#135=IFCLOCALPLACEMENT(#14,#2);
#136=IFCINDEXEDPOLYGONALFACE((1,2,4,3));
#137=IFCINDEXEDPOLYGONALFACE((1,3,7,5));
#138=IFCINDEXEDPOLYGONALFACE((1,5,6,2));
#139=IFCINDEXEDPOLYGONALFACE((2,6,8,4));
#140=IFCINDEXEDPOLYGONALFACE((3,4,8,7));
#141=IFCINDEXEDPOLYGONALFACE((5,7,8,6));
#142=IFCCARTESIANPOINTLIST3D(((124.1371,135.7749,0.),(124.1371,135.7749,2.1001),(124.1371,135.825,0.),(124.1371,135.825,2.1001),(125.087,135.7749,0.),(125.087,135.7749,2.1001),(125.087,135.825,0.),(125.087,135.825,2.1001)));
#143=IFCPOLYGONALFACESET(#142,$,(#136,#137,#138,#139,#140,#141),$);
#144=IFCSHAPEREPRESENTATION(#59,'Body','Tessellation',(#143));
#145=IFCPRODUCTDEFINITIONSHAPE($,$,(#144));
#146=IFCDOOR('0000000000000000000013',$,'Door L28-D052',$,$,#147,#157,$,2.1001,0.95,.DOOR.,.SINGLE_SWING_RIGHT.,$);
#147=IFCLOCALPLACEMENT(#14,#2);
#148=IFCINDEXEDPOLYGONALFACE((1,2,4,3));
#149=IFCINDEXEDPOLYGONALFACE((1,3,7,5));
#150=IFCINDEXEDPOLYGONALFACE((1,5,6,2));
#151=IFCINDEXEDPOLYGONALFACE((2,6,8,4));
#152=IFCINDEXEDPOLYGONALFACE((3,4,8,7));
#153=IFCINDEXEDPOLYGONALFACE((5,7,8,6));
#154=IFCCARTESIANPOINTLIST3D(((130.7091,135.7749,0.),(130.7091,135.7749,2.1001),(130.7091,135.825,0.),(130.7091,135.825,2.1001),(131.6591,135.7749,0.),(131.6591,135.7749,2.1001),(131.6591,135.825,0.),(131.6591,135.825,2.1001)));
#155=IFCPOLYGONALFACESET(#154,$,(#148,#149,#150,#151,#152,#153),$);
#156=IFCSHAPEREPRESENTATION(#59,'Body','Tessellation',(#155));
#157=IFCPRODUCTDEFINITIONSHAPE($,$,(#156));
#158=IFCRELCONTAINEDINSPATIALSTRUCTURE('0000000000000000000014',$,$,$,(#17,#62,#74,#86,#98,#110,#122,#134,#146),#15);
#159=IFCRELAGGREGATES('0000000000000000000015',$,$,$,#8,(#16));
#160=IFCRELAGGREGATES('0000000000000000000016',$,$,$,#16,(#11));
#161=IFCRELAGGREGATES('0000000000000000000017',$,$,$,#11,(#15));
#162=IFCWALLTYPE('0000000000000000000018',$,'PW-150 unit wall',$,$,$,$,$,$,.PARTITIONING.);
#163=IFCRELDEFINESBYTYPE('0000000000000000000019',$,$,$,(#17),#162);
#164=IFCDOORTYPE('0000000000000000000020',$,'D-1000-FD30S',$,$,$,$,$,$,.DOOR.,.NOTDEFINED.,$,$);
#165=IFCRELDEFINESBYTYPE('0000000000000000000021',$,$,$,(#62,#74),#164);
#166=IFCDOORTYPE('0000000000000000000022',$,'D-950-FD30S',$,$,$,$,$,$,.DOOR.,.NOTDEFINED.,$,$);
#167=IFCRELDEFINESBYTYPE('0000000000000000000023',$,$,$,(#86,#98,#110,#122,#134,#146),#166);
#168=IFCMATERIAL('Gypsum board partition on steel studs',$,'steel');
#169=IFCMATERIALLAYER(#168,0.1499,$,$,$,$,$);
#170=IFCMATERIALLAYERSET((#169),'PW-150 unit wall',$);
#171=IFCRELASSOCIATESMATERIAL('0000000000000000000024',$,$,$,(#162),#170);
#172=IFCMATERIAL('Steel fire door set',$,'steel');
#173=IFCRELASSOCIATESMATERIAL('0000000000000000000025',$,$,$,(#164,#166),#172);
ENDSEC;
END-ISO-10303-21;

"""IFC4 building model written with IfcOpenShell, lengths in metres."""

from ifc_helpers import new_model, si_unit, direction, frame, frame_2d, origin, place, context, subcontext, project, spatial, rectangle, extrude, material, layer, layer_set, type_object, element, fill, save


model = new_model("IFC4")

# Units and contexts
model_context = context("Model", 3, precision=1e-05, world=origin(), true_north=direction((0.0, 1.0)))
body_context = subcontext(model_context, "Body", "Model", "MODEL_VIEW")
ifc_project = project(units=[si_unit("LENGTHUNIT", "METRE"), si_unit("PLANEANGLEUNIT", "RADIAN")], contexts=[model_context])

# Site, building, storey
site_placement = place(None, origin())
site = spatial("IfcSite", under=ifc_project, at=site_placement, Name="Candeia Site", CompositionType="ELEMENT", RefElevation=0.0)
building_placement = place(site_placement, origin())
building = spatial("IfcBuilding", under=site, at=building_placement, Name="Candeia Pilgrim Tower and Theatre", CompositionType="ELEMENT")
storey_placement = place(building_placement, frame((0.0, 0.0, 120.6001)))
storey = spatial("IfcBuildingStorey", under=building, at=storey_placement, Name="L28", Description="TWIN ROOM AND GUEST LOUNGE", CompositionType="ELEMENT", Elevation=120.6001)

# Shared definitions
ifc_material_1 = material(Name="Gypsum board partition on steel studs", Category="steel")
○ ○ ○ ○ ○ ○ ○
* _WHAT YOU HAVE TO DO_
Once the line containing "#140=IFCINDEXEDPOLYGONALFACE((3,4,8,7));" has been retyped, stop. Begin at the first line of the material and reproduce every line up to it exactly.

* _EXERCISE SOLUTION_
#135=IFCLOCALPLACEMENT(#14,#2);
#136=IFCINDEXEDPOLYGONALFACE((1,2,4,3));
#137=IFCINDEXEDPOLYGONALFACE((1,3,7,5));
#138=IFCINDEXEDPOLYGONALFACE((1,5,6,2));
#139=IFCINDEXEDPOLYGONALFACE((2,6,8,4));
#140=IFCINDEXEDPOLYGONALFACE((3,4,8,7));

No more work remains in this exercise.